§ **Brief**:
Where a line contains the word "Category", copy that line from the records below.

::: Supplied data

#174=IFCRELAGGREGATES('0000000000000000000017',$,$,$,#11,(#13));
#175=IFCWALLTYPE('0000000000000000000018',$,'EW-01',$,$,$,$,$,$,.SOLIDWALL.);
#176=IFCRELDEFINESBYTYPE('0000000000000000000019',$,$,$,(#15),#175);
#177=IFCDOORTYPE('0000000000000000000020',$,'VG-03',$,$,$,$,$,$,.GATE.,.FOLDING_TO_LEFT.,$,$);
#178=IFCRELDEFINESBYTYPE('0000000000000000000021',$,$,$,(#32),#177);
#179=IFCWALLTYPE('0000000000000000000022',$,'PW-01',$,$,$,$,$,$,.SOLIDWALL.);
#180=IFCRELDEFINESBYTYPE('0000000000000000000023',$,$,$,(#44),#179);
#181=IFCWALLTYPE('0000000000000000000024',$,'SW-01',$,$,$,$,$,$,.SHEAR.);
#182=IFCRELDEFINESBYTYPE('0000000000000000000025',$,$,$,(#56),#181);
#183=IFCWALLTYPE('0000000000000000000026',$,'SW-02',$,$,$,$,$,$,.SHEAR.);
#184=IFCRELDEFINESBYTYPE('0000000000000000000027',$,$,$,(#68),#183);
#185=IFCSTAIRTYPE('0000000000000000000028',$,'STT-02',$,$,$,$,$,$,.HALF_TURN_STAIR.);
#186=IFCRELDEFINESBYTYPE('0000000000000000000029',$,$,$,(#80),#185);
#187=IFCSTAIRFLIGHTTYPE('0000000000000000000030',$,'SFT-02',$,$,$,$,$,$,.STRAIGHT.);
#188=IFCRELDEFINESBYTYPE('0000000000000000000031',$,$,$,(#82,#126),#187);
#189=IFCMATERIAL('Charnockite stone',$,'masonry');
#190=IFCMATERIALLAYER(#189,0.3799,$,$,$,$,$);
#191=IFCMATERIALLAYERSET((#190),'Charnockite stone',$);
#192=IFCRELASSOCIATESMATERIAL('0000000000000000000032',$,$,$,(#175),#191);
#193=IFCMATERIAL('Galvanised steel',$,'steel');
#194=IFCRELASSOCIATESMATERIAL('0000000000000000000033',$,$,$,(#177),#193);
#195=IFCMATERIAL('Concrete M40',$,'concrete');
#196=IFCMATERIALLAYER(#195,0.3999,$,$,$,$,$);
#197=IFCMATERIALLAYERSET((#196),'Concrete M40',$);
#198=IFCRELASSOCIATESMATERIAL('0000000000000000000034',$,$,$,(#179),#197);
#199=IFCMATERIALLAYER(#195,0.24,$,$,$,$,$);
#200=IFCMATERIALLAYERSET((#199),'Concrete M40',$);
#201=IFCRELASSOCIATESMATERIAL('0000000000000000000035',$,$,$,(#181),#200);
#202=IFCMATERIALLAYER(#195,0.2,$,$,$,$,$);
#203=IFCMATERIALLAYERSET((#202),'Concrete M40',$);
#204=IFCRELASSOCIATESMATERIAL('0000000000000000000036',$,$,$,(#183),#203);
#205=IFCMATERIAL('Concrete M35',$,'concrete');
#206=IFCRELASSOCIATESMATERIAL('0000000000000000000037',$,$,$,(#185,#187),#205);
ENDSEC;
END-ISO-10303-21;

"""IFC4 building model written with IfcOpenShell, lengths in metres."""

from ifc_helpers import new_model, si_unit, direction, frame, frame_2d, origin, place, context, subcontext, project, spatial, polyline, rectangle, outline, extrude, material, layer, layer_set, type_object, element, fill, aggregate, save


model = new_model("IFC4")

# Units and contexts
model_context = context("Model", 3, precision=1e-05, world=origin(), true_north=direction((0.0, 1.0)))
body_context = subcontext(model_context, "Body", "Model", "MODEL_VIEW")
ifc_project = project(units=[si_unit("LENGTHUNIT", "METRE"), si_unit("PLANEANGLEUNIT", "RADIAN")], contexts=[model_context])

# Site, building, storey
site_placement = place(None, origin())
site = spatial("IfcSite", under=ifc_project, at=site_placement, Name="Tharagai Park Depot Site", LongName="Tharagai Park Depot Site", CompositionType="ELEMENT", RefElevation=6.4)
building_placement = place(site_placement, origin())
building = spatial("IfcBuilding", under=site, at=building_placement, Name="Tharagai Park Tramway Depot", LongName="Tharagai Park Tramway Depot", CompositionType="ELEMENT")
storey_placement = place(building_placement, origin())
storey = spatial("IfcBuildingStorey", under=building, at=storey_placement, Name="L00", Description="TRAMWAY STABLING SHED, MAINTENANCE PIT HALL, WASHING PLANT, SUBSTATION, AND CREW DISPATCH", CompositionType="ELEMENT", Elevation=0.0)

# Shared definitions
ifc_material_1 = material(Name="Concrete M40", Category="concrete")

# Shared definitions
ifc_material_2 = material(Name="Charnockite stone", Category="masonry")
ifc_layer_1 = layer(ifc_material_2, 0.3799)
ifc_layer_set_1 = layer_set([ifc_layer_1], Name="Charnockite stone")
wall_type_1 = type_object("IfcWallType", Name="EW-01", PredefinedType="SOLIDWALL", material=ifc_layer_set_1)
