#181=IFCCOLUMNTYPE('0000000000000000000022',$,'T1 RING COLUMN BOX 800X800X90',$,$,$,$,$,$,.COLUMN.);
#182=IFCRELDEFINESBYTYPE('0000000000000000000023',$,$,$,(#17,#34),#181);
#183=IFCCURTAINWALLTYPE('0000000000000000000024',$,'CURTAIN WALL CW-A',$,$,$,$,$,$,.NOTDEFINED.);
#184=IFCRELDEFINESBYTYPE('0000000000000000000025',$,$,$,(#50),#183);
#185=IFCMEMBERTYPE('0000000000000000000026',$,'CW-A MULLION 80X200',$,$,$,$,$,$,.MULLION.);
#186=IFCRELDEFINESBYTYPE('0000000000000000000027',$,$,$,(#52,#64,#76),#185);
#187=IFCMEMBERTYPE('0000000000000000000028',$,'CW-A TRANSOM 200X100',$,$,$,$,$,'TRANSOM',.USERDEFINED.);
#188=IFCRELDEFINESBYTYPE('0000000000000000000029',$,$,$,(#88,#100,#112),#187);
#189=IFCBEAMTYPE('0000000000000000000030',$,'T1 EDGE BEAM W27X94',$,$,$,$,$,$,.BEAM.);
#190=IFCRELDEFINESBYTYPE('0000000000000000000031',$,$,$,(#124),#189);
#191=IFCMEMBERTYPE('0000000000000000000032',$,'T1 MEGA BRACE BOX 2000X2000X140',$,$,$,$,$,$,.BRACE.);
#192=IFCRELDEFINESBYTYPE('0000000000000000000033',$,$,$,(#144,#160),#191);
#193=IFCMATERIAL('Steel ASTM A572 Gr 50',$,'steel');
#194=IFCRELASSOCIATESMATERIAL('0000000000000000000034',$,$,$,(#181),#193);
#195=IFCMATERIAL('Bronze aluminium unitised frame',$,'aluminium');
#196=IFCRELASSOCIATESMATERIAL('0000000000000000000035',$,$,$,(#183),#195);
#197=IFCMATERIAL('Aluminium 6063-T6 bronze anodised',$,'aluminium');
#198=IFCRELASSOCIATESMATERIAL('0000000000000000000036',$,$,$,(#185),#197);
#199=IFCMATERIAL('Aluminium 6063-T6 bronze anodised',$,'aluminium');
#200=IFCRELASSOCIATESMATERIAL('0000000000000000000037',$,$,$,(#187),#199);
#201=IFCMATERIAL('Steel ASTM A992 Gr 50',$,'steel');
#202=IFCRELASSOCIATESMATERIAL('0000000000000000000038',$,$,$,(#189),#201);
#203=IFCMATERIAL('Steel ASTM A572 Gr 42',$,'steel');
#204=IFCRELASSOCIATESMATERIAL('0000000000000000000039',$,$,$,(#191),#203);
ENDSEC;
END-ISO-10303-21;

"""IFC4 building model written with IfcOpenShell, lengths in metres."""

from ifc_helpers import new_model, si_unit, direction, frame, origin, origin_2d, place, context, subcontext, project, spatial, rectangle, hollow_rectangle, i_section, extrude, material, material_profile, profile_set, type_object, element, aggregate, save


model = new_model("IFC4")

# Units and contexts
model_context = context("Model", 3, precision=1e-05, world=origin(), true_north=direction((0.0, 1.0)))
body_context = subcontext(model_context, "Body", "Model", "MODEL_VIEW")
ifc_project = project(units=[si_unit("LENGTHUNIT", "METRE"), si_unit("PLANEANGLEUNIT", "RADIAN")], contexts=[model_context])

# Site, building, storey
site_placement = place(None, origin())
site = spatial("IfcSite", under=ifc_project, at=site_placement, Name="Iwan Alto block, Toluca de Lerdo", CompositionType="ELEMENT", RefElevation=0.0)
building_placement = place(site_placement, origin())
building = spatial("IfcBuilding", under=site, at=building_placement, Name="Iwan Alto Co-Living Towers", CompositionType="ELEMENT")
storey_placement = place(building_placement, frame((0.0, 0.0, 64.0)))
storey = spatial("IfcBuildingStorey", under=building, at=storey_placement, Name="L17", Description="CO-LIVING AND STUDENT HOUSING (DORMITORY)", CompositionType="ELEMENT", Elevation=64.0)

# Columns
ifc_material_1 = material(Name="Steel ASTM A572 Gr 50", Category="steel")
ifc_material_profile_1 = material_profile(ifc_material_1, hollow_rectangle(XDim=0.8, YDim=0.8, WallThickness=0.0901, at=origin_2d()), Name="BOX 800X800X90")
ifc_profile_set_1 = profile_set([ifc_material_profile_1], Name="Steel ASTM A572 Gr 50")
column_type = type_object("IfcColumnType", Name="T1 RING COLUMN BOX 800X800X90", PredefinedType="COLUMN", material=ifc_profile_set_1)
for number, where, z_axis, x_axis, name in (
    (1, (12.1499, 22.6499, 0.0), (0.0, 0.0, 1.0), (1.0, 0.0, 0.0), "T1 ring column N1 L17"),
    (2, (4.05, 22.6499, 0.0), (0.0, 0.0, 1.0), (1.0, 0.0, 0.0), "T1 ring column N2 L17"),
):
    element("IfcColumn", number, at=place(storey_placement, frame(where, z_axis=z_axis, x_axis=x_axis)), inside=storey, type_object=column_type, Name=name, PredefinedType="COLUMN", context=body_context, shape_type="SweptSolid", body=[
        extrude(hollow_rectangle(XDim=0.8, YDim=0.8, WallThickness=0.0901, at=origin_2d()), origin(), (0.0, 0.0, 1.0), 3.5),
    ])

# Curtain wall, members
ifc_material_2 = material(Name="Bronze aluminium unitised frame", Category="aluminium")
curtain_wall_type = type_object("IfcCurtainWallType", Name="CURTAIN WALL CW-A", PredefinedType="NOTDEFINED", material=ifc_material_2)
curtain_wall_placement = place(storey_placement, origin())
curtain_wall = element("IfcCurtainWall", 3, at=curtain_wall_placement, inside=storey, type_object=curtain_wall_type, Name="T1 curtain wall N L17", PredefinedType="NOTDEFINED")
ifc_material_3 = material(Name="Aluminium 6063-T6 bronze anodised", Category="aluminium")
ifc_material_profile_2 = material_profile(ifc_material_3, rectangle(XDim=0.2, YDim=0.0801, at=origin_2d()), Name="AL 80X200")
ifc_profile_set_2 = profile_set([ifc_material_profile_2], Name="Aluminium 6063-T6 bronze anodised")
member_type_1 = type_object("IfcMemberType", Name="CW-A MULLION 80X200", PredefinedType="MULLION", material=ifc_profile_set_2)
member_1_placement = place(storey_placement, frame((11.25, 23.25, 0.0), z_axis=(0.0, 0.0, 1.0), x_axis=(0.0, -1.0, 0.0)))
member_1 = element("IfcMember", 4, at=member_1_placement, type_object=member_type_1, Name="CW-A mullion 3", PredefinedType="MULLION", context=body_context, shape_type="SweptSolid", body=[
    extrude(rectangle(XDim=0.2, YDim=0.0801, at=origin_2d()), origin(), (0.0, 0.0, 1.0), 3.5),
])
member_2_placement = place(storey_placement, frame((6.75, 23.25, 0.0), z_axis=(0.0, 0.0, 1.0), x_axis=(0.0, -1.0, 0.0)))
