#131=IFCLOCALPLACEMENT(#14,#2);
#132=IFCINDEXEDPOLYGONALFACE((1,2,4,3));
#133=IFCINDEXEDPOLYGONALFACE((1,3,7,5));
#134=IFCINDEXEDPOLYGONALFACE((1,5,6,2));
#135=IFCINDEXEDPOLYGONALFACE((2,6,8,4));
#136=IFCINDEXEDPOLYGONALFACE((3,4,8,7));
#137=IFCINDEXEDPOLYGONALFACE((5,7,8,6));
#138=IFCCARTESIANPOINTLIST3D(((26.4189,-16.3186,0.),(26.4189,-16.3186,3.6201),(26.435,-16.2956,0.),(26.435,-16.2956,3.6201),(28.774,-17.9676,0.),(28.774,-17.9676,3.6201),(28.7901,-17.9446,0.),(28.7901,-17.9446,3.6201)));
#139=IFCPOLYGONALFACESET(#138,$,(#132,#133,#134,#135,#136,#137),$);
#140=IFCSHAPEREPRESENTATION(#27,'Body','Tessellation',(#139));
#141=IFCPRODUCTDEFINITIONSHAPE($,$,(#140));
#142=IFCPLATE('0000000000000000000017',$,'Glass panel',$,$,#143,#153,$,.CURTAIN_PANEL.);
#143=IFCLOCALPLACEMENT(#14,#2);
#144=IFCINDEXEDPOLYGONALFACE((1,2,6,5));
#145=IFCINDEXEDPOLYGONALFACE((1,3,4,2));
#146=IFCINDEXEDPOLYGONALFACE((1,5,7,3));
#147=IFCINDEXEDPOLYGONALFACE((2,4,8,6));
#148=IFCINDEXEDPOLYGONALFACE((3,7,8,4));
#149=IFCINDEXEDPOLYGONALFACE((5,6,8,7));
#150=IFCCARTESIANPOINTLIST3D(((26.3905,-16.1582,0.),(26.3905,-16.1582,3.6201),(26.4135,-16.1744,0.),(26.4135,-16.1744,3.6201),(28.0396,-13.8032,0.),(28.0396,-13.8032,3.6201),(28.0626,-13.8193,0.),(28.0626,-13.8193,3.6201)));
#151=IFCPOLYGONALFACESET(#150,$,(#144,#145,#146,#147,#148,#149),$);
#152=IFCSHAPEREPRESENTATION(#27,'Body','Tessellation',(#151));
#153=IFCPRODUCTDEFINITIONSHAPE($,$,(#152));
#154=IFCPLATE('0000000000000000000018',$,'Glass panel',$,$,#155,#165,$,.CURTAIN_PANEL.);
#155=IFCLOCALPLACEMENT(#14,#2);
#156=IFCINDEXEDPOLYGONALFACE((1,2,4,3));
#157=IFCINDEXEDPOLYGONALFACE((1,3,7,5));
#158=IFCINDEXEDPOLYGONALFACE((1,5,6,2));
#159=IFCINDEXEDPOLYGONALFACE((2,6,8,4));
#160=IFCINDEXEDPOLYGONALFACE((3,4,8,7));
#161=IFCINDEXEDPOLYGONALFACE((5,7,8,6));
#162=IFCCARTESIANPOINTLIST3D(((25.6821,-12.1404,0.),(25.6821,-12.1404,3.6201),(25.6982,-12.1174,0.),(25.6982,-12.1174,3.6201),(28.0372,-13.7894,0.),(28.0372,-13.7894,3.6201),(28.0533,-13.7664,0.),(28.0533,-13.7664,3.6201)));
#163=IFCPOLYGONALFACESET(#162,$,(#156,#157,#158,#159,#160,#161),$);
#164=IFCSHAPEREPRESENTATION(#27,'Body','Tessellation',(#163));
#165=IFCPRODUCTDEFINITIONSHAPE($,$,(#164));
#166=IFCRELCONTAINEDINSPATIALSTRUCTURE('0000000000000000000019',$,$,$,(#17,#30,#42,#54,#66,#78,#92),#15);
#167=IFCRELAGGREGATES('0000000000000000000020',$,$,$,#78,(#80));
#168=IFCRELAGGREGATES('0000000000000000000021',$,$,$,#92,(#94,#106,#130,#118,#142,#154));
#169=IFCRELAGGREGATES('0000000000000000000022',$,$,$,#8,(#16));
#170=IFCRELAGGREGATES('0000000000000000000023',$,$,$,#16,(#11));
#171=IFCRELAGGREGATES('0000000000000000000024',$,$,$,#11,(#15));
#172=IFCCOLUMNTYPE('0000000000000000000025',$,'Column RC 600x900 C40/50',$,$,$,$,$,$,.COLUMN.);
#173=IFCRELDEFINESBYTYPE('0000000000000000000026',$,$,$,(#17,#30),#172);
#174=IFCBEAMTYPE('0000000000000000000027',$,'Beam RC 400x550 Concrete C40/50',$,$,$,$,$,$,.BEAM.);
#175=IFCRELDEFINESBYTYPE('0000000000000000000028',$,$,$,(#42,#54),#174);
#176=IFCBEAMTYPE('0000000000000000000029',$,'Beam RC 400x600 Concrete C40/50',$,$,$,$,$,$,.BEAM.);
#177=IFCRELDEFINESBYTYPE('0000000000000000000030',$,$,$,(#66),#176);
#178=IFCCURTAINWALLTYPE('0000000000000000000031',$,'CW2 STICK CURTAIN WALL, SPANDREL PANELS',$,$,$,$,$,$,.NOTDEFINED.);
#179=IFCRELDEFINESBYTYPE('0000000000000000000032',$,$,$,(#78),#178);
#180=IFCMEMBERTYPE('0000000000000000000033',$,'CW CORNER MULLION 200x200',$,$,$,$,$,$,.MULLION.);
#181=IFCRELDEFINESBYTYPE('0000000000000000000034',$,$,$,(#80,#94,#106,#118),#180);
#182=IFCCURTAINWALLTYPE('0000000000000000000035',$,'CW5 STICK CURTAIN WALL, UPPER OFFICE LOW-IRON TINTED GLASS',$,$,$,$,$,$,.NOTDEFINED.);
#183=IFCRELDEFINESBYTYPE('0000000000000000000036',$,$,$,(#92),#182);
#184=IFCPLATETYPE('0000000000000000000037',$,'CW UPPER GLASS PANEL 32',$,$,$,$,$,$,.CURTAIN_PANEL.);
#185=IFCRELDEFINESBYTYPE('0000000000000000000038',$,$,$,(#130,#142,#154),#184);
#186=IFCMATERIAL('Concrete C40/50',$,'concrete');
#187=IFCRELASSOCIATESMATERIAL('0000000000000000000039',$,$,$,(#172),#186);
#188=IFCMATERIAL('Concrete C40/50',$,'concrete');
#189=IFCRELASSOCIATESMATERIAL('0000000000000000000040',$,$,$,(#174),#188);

::::::

§ **Written response**:
ifc_material_1 = material(Name="Concrete M40", Category="concrete")
ifc_material_2 = material(Name="Charnockite stone", Category="masonry")
ifc_material_1 = material(Name="Steel ASTM A572 Gr 50", Category="steel")
ifc_material_2 = material(Name="Bronze aluminium unitised frame", Category="aluminium")
ifc_material_3 = material(Name="Aluminium 6063-T6 bronze anodised", Category="aluminium")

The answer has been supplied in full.